▸ Information
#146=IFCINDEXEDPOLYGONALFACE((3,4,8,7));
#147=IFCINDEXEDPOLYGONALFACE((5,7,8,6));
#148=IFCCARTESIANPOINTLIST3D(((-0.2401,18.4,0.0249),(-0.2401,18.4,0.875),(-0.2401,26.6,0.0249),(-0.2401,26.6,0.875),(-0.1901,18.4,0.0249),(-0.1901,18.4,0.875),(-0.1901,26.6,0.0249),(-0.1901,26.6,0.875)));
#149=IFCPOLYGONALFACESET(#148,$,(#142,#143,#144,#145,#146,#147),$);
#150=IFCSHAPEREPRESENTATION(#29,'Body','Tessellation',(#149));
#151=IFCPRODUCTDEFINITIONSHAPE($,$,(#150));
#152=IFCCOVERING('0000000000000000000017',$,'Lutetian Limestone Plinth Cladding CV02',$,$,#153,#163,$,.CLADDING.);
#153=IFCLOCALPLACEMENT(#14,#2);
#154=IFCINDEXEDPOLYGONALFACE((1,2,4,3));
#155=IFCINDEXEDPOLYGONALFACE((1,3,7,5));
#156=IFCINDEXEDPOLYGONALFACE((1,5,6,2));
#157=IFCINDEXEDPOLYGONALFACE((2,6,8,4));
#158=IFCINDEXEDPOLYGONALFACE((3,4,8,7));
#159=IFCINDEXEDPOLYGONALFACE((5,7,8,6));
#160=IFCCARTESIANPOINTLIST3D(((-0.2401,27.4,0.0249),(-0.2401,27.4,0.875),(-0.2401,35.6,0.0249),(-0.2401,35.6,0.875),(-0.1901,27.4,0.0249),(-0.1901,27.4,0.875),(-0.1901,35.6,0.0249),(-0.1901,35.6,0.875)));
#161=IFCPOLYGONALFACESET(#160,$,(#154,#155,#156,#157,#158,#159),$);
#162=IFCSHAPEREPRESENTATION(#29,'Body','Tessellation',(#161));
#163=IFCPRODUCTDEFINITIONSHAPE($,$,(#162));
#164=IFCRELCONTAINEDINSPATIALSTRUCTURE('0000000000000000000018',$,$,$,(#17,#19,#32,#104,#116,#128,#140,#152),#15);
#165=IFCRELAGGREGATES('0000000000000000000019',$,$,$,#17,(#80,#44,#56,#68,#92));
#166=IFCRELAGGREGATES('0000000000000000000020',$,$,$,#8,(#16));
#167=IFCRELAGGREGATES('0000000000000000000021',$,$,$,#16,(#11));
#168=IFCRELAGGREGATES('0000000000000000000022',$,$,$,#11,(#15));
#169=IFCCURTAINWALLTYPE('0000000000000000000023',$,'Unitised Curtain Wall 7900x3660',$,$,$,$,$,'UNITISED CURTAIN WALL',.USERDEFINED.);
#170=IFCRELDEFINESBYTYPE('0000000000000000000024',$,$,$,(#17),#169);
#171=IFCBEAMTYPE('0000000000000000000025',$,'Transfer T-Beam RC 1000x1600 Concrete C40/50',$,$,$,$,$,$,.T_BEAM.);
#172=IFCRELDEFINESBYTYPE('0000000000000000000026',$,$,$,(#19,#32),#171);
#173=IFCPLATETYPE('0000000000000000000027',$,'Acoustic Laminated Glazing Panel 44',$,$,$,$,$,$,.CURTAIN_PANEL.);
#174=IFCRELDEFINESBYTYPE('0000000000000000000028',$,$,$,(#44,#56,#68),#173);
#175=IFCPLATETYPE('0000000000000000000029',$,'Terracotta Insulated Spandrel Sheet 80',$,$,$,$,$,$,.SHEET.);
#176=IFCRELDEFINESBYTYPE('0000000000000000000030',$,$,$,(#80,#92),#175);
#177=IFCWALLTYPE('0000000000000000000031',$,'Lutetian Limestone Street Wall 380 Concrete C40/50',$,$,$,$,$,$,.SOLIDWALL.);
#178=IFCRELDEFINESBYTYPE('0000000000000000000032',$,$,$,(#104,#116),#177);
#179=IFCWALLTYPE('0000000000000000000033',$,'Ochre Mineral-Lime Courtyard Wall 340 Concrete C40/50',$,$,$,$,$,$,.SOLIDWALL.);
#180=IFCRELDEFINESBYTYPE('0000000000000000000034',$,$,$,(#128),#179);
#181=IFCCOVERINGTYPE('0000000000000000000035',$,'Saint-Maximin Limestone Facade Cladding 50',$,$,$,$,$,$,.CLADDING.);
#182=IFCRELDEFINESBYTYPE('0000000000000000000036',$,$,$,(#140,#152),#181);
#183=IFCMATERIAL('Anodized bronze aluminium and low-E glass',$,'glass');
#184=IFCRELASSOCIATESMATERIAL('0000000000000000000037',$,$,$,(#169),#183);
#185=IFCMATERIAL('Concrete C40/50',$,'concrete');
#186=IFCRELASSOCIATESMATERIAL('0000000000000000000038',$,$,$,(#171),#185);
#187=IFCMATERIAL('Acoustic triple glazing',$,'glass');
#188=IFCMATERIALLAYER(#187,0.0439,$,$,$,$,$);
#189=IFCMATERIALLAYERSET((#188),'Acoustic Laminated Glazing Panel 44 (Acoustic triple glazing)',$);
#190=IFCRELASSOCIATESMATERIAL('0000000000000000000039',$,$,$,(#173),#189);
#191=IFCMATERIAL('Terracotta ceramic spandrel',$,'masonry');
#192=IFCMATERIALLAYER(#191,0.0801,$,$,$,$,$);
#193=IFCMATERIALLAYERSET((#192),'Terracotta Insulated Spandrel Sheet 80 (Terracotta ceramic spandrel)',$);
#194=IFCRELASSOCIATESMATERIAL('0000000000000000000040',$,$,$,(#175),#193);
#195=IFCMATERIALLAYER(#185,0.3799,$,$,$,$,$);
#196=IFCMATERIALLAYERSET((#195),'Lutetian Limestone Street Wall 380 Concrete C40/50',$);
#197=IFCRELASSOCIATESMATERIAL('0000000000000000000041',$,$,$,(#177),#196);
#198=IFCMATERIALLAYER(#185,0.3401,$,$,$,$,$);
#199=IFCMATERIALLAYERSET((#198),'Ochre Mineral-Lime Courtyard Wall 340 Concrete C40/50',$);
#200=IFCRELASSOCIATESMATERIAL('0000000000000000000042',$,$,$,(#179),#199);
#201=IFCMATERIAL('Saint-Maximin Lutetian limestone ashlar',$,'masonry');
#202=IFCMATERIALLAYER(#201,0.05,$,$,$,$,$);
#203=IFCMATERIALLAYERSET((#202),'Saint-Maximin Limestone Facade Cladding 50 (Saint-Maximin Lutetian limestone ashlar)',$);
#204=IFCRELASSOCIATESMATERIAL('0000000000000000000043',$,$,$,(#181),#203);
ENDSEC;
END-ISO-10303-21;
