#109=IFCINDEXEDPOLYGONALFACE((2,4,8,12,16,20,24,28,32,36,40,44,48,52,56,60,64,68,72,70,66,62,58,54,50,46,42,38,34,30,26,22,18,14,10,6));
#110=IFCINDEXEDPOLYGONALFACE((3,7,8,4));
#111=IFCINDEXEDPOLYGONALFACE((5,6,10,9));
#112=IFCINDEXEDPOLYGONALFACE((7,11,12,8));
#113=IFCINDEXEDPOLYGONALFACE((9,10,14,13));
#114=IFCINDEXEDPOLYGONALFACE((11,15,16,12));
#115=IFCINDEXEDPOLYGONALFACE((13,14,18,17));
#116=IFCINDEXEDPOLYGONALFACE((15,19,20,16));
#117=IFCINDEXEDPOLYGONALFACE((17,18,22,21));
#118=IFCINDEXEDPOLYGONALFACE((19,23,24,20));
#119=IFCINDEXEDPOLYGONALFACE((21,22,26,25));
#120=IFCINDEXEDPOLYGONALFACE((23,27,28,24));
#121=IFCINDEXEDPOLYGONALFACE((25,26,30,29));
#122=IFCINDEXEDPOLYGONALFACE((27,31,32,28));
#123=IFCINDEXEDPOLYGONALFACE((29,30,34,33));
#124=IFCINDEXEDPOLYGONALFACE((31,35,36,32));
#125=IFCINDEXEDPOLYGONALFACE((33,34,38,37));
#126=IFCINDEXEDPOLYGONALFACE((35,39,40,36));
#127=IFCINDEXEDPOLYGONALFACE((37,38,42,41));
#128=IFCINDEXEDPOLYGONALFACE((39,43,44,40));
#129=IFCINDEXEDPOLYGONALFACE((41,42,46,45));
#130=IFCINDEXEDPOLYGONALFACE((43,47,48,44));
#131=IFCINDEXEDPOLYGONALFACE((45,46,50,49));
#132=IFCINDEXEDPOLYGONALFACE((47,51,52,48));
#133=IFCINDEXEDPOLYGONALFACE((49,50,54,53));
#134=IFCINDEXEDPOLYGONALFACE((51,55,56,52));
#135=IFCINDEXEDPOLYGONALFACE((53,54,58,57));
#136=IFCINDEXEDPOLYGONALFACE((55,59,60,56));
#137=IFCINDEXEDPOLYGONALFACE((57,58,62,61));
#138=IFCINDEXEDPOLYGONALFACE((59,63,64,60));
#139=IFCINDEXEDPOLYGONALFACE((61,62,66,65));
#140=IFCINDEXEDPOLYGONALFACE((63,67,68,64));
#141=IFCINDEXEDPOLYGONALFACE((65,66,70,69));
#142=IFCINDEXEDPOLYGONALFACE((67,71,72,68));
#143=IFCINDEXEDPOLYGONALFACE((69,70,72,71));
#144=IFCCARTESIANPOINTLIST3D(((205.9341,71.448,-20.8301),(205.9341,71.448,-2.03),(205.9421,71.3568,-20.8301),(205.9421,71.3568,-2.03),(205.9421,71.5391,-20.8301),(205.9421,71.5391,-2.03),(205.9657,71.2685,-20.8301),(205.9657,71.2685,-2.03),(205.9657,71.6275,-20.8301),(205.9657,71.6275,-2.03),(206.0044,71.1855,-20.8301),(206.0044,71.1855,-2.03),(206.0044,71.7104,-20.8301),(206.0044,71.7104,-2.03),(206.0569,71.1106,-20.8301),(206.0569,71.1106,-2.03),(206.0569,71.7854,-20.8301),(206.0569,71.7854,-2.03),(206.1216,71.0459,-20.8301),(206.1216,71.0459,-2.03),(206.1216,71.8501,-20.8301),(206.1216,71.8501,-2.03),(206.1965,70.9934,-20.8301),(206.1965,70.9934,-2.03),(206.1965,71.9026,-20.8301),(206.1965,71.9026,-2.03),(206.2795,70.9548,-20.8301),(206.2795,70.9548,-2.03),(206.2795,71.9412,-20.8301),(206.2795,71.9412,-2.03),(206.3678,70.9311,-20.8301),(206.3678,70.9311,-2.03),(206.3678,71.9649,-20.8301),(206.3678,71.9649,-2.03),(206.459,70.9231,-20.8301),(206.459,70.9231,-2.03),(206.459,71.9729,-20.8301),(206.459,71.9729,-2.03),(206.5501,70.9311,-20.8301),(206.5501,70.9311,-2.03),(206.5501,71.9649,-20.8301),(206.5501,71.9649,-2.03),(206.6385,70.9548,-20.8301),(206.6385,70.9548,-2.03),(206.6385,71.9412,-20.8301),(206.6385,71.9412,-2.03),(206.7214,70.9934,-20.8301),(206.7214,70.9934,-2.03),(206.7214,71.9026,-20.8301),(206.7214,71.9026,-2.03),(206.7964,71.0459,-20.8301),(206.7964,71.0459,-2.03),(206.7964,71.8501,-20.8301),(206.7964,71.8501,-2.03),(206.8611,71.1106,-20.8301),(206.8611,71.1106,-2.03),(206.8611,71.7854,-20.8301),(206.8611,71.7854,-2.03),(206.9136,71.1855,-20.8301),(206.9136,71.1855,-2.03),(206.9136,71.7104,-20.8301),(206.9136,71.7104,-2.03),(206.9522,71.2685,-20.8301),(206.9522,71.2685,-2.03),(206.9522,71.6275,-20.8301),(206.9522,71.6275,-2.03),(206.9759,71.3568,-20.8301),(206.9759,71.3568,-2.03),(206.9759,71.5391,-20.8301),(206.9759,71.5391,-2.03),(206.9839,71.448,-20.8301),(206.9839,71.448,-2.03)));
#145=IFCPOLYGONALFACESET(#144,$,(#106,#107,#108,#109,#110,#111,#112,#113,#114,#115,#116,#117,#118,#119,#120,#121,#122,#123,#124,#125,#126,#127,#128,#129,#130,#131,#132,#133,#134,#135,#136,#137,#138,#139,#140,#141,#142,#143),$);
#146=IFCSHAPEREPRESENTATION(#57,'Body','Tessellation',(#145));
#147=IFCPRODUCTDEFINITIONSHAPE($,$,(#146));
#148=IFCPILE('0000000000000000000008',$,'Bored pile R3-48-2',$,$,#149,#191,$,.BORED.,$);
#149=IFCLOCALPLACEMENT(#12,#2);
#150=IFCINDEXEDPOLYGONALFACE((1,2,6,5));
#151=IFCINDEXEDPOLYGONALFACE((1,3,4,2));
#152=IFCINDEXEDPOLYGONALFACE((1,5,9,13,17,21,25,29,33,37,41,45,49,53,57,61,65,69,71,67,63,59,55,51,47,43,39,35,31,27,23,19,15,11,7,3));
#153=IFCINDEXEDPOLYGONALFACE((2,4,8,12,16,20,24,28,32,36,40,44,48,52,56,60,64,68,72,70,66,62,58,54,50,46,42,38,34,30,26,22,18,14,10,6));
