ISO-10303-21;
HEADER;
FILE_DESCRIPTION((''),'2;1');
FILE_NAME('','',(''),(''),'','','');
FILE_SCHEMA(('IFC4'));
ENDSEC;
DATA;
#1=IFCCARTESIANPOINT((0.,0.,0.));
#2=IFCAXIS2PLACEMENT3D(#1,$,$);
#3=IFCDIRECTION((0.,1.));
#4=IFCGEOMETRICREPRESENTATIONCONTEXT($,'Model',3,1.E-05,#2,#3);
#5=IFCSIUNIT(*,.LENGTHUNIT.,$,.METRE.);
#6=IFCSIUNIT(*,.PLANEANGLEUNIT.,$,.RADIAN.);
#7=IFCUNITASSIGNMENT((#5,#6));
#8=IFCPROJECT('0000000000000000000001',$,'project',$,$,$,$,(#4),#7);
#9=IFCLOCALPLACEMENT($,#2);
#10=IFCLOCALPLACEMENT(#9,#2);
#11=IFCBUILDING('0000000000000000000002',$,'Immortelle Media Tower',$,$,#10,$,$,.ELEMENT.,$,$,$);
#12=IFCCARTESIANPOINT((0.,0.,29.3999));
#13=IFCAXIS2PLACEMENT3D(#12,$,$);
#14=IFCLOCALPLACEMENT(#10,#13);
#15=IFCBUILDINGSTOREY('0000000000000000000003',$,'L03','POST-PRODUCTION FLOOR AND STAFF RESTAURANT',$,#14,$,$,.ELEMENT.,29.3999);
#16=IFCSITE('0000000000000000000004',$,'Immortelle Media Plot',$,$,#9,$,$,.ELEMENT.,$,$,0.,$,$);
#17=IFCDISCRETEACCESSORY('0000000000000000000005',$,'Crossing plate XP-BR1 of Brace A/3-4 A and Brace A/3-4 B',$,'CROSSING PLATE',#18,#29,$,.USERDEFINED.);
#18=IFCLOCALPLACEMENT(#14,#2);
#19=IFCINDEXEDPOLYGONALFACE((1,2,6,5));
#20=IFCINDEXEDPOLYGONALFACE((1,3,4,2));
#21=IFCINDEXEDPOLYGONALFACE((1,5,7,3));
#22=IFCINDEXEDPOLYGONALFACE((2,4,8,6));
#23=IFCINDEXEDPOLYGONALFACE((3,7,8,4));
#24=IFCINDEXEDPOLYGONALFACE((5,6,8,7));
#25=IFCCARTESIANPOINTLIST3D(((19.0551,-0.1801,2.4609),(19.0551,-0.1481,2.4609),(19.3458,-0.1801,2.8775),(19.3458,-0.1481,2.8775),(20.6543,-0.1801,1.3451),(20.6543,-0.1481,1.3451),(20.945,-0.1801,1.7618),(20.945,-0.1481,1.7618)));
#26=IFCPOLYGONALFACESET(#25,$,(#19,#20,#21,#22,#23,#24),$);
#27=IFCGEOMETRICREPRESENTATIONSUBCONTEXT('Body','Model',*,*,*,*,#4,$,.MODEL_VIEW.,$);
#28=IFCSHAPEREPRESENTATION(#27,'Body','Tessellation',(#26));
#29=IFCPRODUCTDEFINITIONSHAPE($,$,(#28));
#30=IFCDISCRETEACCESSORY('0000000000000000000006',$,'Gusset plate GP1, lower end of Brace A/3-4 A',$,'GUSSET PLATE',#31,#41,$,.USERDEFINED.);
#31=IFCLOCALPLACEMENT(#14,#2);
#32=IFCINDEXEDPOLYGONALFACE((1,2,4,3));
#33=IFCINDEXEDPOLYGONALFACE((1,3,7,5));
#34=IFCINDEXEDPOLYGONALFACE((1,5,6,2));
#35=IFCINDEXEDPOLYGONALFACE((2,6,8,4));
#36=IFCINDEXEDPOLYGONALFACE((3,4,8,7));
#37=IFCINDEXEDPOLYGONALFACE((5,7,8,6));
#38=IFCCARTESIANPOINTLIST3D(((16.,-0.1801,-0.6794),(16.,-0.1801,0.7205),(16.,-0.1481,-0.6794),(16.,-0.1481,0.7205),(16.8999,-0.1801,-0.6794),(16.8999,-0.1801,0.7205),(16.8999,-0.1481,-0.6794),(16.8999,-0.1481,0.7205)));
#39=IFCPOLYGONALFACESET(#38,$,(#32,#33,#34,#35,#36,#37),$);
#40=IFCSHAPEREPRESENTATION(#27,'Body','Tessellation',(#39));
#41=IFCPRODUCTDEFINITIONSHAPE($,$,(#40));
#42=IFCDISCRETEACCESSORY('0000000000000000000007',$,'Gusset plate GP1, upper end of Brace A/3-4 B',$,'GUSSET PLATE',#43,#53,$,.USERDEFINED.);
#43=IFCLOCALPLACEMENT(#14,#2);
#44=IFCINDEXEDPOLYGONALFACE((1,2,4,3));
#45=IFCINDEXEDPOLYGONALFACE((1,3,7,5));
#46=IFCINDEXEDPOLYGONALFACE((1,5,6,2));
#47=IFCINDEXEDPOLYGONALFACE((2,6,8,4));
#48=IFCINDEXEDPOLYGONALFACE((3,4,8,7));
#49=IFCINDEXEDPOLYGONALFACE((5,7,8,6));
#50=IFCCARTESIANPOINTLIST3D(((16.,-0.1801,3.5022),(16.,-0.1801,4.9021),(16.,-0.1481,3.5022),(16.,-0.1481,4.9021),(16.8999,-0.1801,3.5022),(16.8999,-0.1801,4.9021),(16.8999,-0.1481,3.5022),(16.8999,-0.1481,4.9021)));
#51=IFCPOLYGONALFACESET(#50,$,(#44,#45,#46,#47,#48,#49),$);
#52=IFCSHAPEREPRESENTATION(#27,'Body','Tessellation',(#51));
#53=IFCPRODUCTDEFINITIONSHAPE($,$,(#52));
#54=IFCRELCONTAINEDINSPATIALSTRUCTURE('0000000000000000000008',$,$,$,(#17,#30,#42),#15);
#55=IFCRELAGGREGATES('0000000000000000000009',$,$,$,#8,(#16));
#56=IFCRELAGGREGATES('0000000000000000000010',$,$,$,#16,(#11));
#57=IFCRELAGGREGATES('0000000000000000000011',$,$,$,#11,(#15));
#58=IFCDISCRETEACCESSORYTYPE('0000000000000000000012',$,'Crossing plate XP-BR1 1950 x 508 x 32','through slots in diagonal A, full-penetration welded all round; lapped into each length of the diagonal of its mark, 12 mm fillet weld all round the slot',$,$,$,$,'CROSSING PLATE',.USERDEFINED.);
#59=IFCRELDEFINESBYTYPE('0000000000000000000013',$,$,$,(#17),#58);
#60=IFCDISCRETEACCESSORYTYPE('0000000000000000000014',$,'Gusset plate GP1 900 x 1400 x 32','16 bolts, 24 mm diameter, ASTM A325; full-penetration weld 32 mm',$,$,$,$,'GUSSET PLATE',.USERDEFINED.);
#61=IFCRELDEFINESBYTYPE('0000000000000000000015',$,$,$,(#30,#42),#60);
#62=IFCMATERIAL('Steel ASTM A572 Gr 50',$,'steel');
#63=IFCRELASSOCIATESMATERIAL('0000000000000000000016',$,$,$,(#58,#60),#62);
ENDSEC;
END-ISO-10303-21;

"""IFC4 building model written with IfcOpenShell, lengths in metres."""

from ifc_helpers import new_model, si_unit, direction, frame, origin, origin_2d, place, context, subcontext, project, spatial, rectangle, extrude, material, material_profile, profile_set, type_object, element, save


model = new_model("IFC4")

# Units and contexts
model_context = context("Model", 3, precision=1e-05, world=origin(), true_north=direction((0.0, 1.0)))
body_context = subcontext(model_context, "Body", "Model", "MODEL_VIEW")
ifc_project = project(units=[si_unit("LENGTHUNIT", "METRE"), si_unit("PLANEANGLEUNIT", "RADIAN")], contexts=[model_context])

# Site, building, storey
site_placement = place(None, origin())
site = spatial("IfcSite", under=ifc_project, at=site_placement, Name="Immortelle Media Plot", CompositionType="ELEMENT", RefElevation=0.0)
building_placement = place(site_placement, origin())
building = spatial("IfcBuilding", under=site, at=building_placement, Name="Immortelle Media Tower", CompositionType="ELEMENT")
storey_placement = place(building_placement, frame((0.0, 0.0, 29.3999)))
storey = spatial("IfcBuildingStorey", under=building, at=storey_placement, Name="L03", Description="POST-PRODUCTION FLOOR AND STAFF RESTAURANT", CompositionType="ELEMENT", Elevation=29.3999)

# Discrete accessories
ifc_material_1 = material(Name="Steel ASTM A572 Gr 50", Category="steel")
ifc_material_profile_1 = material_profile(ifc_material_1, rectangle(XDim=0.032, YDim=0.5081, at=origin_2d()), Name="PL 32 x 508")
ifc_profile_set_1 = profile_set([ifc_material_profile_1], Name="Steel ASTM A572 Gr 50")
discrete_accessory_type_1 = type_object("IfcDiscreteAccessoryType", Name="Crossing plate XP-BR1 1950 x 508 x 32", Description="through slots in diagonal A, full-penetration welded all round; lapped into each length of the diagonal of its mark, 12 mm fillet weld all round the slot", ElementType="CROSSING PLATE", PredefinedType="USERDEFINED", material=ifc_profile_set_1)
discrete_accessory_placement = place(storey_placement, frame((19.2004, -0.1641, 2.6692), z_axis=(0.820113, 0.0, -0.572201), x_axis=(0.0, 1.0, 0.0)))
element("IfcDiscreteAccessory", 1, at=discrete_accessory_placement, inside=storey, type_object=discrete_accessory_type_1, Name="Crossing plate XP-BR1 of Brace A/3-4 A and Brace A/3-4 B", ObjectType="CROSSING PLATE", PredefinedType="USERDEFINED", context=body_context, shape_type="SweptSolid", body=[
    extrude(rectangle(XDim=0.032, YDim=0.5081, at=origin_2d()), origin(), (0.0, 0.0, 1.0), 1.95),
])
ifc_material_profile_2 = material_profile(ifc_material_1, rectangle(XDim=0.032, YDim=1.3999, at=origin_2d()), Name="PL 32 x 1400")
ifc_profile_set_2 = profile_set([ifc_material_profile_2], Name="Steel ASTM A572 Gr 50")
discrete_accessory_type_2 = type_object("IfcDiscreteAccessoryType", Name="Gusset plate GP1 900 x 1400 x 32", Description="16 bolts, 24 mm diameter, ASTM A325; full-penetration weld 32 mm", ElementType="GUSSET PLATE", PredefinedType="USERDEFINED", material=ifc_profile_set_2)
for number, where, z_axis, x_axis, name in (
    (2, (16.0, -0.1641, 0.0205), (1.0, 0.0, 0.0), (0.0, 1.0, 0.0), "Gusset plate GP1, lower end of Brace A/3-4 A"),
    (3, (16.0, -0.1641, 4.2021), (1.0, 0.0, 0.0), (0.0, 1.0, 0.0), "Gusset plate GP1, upper end of Brace A/3-4 B"),
):
    element("IfcDiscreteAccessory", number, at=place(storey_placement, frame(where, z_axis=z_axis, x_axis=x_axis)), inside=storey, type_object=discrete_accessory_type_2, Name=name, ObjectType="GUSSET PLATE", PredefinedType="USERDEFINED", context=body_context, shape_type="SweptSolid", body=[
        extrude(rectangle(XDim=0.032, YDim=1.3999, at=origin_2d()), origin(), (0.0, 0.0, 1.0), 0.8999),
    ])

save(model, "model.ifc")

▸ The problem
Give the number of lines above in which the word "Ochre" occurs, with nothing else.

▸ Task answer
2